Your instructions
From the line containing "END-ISO-10303-21;" onward, every line of the entries is to be set down exactly, the last line included.

Records from a dataset:
● ● ● ● ●
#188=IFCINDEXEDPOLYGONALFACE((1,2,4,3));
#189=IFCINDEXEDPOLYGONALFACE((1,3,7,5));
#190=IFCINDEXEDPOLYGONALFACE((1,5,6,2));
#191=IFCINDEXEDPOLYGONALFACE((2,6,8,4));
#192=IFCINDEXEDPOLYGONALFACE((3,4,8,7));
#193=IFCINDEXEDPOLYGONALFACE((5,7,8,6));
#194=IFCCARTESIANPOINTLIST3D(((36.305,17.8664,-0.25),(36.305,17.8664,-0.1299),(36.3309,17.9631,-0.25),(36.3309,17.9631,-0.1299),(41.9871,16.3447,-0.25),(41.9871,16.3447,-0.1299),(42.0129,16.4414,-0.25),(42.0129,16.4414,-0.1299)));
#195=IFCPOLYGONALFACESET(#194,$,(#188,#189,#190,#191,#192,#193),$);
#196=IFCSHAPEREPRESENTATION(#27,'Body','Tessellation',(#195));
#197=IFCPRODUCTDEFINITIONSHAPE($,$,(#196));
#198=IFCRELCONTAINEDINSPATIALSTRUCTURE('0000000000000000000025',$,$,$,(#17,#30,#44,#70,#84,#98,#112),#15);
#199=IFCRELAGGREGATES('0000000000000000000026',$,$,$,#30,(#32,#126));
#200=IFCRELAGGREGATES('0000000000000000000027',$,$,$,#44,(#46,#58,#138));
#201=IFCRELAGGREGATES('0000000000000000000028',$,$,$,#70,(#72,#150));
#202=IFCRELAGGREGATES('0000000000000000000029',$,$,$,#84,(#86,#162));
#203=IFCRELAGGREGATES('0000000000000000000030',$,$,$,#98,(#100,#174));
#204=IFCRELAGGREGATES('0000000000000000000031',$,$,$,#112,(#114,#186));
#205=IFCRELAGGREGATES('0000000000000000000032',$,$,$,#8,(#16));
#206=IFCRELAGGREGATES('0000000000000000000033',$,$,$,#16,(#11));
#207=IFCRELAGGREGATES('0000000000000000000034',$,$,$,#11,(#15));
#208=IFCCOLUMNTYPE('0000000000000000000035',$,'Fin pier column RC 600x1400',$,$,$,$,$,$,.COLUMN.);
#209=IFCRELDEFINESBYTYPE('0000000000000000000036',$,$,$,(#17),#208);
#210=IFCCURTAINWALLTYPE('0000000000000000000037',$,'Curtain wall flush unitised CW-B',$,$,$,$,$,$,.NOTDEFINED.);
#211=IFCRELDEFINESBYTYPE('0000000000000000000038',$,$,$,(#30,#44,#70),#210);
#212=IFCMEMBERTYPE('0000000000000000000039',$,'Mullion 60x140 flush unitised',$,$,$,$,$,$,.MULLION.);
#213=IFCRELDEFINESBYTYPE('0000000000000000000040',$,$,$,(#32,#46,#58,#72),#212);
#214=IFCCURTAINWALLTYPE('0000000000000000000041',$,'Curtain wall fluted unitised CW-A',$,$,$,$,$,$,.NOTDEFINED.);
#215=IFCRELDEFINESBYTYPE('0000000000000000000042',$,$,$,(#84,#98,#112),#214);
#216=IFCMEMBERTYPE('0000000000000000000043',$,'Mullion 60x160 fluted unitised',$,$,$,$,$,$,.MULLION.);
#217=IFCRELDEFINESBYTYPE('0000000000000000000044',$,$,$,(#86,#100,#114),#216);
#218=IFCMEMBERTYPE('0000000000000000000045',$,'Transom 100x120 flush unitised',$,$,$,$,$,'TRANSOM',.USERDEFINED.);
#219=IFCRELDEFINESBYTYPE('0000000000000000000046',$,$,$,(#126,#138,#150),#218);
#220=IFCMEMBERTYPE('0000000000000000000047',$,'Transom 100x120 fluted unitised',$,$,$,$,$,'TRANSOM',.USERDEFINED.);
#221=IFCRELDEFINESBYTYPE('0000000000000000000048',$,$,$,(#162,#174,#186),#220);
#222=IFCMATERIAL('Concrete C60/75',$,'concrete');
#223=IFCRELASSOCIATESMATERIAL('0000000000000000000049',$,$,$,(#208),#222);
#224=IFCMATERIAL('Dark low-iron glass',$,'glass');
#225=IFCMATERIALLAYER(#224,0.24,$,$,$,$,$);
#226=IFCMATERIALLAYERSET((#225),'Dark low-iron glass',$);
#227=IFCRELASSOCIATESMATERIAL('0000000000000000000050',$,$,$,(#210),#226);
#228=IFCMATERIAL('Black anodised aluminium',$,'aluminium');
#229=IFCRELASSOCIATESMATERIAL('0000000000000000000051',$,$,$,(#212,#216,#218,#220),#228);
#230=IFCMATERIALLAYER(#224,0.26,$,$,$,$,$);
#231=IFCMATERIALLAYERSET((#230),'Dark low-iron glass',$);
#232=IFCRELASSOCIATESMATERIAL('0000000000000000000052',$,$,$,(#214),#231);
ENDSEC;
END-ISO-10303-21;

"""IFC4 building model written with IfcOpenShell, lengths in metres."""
● ● ● ● ●
Result of this task
END-ISO-10303-21;

"""IFC4 building model written with IfcOpenShell, lengths in metres."""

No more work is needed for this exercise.